• [WHAT IS BEING ASKED]: For each line below that holds "MULLION", return the line as it stands.

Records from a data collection

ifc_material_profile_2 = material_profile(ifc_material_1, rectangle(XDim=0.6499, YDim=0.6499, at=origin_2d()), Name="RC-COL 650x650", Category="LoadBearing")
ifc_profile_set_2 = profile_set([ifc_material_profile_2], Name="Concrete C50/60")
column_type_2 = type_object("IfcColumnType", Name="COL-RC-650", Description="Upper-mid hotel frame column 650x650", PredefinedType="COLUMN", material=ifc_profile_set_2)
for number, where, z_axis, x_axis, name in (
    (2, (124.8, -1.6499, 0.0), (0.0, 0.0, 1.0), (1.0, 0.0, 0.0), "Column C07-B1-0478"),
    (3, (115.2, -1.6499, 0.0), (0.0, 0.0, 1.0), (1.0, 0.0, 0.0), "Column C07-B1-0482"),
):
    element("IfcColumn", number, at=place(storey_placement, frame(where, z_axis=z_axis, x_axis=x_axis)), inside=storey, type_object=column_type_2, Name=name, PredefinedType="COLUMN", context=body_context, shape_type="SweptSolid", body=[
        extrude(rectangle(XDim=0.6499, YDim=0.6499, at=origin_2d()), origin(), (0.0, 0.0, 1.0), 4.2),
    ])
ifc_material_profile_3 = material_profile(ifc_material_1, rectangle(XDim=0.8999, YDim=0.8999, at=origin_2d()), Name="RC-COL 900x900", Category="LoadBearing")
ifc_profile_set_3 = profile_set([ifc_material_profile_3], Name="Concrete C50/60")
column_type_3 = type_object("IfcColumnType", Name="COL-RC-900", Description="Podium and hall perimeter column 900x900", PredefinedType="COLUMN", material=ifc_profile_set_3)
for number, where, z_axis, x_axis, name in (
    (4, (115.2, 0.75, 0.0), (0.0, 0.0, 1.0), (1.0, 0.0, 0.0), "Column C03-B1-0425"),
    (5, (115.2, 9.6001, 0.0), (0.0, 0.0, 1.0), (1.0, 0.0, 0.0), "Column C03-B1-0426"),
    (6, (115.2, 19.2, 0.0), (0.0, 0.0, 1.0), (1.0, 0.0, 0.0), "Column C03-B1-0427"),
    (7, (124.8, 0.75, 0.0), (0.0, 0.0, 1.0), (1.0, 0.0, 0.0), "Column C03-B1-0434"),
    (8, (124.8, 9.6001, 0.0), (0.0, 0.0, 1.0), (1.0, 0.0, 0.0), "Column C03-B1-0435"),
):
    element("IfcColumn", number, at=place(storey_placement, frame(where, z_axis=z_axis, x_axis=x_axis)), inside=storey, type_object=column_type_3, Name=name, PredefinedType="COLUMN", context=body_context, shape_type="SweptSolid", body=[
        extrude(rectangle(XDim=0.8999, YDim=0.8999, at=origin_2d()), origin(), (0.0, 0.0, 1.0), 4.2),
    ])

* * *

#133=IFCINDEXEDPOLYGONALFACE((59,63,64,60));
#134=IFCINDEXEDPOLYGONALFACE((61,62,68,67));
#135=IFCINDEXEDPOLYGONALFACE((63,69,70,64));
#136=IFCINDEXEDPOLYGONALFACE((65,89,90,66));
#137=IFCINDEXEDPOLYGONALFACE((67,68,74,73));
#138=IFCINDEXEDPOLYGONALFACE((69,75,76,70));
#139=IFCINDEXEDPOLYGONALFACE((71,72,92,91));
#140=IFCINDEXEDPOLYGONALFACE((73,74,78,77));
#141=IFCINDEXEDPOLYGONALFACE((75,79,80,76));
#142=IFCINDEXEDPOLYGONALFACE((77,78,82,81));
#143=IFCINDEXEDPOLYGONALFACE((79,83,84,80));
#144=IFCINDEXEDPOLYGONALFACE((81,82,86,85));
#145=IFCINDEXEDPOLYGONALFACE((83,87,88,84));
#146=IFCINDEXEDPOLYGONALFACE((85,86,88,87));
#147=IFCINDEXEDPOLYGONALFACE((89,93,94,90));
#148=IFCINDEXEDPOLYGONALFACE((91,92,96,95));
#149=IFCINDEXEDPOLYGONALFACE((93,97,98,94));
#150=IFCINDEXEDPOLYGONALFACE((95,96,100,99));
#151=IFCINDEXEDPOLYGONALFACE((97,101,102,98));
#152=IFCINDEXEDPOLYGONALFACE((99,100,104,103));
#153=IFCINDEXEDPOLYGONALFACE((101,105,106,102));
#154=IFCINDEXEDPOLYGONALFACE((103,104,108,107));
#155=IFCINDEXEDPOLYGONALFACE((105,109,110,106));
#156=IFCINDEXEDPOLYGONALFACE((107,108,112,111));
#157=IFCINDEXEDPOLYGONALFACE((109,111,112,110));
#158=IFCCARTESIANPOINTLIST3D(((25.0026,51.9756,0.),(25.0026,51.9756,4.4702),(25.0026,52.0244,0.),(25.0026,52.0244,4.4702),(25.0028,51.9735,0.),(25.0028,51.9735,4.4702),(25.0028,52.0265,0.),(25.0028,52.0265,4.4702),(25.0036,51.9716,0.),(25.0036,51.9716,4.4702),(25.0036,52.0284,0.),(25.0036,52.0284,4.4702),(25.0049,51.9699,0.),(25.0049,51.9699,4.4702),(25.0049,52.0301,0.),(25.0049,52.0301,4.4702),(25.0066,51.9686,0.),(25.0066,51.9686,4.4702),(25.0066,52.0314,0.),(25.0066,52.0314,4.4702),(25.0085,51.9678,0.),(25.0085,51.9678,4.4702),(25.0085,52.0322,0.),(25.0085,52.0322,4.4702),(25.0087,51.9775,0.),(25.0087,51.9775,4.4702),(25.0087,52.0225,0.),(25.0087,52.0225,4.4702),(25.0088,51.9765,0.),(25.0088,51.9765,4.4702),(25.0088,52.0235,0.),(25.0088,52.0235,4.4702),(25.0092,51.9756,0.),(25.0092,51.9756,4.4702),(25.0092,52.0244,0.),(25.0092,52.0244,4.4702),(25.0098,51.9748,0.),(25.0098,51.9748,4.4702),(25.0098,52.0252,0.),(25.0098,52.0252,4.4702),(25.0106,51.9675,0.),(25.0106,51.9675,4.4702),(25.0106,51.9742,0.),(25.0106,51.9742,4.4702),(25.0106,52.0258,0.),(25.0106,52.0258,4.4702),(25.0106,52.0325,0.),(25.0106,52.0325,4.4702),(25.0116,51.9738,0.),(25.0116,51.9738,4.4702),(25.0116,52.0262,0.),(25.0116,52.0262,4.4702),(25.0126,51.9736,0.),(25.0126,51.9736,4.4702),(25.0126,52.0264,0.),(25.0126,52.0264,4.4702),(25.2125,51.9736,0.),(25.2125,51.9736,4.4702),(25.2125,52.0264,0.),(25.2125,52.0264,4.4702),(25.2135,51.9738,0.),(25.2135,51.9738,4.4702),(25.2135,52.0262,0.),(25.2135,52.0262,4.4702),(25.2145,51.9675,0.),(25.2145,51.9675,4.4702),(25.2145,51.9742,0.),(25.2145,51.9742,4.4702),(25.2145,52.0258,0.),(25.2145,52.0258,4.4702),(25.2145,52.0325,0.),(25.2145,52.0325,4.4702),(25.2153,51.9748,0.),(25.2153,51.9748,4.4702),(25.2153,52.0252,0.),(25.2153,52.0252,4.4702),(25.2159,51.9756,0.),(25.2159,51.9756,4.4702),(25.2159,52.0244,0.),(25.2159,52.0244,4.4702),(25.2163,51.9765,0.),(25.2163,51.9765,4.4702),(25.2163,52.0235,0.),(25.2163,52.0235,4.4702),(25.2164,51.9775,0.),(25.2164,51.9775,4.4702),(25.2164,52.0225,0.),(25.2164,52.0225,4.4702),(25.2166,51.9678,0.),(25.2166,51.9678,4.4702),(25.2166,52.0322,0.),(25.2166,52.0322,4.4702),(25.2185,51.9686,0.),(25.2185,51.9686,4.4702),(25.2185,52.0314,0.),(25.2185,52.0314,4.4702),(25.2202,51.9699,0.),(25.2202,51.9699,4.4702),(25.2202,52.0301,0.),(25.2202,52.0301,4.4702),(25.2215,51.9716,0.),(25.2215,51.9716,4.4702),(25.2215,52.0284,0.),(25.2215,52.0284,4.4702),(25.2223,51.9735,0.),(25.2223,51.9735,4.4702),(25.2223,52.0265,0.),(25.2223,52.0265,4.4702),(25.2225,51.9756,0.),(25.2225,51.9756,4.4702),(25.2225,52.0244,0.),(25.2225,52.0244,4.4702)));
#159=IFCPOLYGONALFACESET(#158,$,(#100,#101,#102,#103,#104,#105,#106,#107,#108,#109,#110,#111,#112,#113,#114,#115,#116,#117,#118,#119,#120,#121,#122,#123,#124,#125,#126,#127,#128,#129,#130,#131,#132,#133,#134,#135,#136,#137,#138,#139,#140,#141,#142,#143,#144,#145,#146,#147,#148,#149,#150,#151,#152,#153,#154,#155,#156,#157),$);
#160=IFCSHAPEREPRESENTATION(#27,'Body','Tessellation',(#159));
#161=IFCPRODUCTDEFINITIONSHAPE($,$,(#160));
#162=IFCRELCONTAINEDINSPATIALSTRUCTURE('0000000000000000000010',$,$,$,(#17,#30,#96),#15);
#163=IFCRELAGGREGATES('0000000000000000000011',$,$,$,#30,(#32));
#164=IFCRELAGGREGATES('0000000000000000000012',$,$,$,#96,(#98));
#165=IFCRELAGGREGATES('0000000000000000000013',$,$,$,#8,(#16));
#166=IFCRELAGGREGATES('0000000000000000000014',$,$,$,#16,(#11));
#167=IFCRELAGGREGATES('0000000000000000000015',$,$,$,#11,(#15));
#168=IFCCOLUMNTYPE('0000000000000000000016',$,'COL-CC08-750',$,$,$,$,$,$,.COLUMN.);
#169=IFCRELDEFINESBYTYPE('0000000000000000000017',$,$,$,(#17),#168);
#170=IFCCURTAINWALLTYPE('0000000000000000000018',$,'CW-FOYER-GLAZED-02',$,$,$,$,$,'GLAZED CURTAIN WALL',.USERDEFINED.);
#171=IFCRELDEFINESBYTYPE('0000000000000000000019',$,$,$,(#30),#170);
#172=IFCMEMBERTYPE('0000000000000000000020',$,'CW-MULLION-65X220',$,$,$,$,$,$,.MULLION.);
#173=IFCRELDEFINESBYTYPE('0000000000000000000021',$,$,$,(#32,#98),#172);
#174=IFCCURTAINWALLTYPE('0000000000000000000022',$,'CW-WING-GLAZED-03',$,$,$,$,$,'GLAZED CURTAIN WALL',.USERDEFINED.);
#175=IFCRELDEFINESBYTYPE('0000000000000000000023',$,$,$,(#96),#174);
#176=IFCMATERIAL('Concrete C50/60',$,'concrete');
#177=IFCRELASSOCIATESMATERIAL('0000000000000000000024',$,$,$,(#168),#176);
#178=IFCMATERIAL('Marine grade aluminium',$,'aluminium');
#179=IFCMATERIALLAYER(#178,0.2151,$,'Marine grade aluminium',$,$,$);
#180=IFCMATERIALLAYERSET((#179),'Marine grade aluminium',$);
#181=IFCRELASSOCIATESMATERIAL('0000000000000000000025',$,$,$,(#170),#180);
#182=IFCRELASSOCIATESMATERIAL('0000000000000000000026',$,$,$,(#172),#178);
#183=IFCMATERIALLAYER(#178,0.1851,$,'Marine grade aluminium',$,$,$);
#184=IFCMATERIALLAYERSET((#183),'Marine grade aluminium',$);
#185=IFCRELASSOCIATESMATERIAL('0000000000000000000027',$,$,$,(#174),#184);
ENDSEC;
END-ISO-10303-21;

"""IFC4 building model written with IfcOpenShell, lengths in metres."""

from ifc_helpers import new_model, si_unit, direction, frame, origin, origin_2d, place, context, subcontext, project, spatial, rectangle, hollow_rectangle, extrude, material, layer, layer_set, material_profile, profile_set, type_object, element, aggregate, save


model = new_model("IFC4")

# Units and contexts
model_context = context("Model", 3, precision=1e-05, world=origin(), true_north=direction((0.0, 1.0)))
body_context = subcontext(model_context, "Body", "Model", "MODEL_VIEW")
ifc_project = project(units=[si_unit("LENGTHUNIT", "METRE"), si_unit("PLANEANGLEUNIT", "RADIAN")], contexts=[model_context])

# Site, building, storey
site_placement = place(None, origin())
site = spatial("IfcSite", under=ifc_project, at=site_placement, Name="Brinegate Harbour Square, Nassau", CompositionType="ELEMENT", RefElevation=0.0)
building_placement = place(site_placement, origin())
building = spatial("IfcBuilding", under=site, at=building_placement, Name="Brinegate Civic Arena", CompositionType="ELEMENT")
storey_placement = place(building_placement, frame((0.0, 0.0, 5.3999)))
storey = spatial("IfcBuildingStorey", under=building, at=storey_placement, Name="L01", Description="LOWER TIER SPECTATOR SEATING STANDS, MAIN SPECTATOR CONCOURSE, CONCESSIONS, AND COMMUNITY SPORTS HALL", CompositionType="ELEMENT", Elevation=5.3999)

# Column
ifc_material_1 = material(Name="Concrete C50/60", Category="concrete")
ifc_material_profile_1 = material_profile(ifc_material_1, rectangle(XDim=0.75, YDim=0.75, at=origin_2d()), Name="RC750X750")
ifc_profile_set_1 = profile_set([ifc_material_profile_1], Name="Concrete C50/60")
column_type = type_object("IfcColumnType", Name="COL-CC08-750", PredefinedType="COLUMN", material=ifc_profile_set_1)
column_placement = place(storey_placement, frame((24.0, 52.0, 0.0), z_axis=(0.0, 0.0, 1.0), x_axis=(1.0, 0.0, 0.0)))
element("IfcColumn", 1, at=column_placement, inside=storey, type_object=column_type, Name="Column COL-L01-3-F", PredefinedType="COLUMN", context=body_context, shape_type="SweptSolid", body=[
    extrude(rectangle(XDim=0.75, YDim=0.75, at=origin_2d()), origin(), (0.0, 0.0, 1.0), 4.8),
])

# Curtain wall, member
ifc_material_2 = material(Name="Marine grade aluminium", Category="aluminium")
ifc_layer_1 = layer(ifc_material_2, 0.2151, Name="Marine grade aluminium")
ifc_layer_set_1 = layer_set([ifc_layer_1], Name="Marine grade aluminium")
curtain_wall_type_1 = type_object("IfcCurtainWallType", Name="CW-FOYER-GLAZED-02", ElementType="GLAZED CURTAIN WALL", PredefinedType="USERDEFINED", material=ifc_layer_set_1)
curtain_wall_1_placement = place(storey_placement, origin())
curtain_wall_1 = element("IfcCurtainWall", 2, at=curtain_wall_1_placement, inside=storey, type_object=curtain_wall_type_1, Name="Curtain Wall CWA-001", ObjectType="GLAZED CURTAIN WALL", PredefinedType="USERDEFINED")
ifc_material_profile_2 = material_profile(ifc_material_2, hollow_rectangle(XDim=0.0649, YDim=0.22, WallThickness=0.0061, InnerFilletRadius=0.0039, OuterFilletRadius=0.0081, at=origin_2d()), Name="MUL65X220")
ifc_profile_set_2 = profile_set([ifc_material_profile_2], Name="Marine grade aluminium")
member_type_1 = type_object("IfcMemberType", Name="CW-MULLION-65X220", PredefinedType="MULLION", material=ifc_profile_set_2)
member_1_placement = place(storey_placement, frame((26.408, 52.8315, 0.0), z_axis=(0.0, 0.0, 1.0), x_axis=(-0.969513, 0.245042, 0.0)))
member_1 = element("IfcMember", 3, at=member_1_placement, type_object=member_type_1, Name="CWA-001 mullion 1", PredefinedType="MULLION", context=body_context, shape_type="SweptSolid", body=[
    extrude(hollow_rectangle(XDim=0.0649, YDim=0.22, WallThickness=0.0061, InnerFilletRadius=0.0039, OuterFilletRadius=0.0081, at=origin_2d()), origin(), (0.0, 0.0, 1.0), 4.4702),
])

• [RESPONSE BELOW]:
#172=IFCMEMBERTYPE('0000000000000000000020',$,'CW-MULLION-65X220',$,$,$,$,$,$,.MULLION.);
member_type_1 = type_object("IfcMemberType", Name="CW-MULLION-65X220", PredefinedType="MULLION", material=ifc_profile_set_2)
member_1 = element("IfcMember", 3, at=member_1_placement, type_object=member_type_1, Name="CWA-001 mullion 1", PredefinedType="MULLION", context=body_context, shape_type="SweptSolid", body=[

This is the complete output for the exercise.